═════ Available data

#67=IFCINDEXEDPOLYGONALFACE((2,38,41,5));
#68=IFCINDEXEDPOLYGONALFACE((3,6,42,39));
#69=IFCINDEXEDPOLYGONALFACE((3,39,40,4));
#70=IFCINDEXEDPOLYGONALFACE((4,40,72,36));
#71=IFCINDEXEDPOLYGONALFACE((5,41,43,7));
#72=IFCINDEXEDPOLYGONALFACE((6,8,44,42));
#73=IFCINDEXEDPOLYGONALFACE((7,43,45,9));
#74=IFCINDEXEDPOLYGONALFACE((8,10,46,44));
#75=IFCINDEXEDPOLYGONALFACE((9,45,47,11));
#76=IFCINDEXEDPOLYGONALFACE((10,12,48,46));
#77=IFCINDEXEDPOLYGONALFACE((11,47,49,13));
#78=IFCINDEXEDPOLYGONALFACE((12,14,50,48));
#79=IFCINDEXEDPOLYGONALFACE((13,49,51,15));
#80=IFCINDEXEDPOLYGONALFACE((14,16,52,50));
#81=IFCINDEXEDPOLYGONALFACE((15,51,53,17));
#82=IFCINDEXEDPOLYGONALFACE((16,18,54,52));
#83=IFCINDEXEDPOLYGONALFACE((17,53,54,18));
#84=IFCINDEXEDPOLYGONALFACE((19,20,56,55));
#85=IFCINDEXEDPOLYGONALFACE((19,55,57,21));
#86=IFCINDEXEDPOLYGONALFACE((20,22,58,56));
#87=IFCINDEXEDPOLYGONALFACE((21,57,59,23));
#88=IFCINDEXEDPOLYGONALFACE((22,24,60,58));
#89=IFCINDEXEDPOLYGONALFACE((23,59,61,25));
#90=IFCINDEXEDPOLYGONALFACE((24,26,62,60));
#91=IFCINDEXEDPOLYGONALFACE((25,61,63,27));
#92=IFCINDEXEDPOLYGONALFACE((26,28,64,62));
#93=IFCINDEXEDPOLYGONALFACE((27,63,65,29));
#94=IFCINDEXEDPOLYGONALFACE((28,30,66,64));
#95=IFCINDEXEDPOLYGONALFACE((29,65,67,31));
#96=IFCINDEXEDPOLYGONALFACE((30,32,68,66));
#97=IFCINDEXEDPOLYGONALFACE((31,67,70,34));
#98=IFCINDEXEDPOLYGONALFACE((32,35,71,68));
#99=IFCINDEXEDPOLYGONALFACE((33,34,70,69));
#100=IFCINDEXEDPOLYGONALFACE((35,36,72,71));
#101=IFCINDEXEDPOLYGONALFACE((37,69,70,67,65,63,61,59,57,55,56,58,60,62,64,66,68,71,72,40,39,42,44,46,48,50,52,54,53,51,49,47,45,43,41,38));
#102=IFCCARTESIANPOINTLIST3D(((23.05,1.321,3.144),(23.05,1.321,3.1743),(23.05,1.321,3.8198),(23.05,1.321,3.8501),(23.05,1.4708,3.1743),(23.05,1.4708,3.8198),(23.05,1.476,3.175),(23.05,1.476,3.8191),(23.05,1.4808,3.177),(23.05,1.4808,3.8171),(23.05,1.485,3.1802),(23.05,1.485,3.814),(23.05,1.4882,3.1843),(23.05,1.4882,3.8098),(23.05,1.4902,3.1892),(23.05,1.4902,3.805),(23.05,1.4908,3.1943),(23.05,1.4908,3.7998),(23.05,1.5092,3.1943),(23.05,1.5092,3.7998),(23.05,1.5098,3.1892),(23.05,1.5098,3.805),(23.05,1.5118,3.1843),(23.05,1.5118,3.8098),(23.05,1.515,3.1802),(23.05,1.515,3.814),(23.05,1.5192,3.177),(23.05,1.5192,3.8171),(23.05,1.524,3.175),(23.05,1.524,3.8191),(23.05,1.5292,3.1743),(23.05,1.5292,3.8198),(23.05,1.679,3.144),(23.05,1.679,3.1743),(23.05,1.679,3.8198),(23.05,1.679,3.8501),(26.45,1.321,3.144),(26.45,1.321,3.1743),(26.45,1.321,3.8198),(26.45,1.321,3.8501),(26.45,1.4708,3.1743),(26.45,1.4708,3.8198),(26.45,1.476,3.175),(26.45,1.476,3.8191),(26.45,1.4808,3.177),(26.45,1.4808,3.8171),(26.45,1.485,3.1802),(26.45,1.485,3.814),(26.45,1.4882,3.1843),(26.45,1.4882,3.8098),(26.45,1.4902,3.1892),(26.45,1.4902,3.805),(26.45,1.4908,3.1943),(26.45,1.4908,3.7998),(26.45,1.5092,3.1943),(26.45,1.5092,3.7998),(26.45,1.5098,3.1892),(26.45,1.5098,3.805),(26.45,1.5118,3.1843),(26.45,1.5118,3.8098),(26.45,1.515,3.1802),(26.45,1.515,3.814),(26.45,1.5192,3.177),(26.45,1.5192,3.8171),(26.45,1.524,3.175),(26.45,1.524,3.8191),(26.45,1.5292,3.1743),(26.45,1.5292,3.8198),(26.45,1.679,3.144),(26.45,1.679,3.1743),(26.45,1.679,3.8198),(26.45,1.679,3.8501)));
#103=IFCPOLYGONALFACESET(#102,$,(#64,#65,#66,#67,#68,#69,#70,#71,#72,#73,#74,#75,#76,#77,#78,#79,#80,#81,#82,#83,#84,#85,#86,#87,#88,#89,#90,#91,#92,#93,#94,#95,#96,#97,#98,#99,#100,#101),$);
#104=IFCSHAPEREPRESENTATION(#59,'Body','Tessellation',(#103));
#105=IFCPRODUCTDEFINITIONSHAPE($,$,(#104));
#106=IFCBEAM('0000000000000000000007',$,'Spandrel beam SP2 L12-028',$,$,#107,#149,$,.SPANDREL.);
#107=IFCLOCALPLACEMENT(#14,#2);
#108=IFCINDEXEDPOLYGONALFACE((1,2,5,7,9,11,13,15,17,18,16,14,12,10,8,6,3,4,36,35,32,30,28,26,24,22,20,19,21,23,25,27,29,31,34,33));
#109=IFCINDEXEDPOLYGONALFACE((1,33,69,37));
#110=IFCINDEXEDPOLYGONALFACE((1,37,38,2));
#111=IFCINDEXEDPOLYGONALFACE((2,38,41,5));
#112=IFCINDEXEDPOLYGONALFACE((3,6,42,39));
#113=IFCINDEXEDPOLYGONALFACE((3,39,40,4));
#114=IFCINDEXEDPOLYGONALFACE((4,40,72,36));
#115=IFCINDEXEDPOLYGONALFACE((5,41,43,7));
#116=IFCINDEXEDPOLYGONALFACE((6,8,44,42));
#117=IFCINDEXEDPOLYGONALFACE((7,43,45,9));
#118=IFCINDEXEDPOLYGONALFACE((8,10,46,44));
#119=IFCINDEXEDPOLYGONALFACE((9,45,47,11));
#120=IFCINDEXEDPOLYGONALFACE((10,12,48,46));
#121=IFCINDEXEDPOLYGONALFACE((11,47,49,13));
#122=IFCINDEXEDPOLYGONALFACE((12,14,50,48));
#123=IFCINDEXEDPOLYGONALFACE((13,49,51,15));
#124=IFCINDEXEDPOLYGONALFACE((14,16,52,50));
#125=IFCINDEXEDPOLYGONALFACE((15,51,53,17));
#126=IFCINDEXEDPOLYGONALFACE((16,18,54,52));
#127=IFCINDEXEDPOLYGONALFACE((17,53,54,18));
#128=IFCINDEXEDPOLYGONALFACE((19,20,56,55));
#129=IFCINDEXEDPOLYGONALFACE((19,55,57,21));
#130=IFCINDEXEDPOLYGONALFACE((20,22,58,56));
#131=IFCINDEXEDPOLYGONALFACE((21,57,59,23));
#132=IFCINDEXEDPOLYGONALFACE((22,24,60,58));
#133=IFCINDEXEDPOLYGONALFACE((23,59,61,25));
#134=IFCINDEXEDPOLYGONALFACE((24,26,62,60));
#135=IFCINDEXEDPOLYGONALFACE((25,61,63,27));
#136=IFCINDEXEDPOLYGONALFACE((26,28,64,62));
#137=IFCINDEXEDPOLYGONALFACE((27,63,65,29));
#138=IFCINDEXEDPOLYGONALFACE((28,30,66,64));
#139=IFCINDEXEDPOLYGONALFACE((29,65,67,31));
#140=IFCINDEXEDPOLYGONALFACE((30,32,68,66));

══════════

• Work instructions: From the entries above, restate word for word the lines from the line containing "#96=IFCINDEXEDPOLYGONALFACE((30,32,68,66));" to the line containing "#100=IFCINDEXEDPOLYGONALFACE((35,36,72,71));", both ends included, and nothing more.

• Finished task:
#96=IFCINDEXEDPOLYGONALFACE((30,32,68,66));
#97=IFCINDEXEDPOLYGONALFACE((31,67,70,34));
#98=IFCINDEXEDPOLYGONALFACE((32,35,71,68));
#99=IFCINDEXEDPOLYGONALFACE((33,34,70,69));
#100=IFCINDEXEDPOLYGONALFACE((35,36,72,71));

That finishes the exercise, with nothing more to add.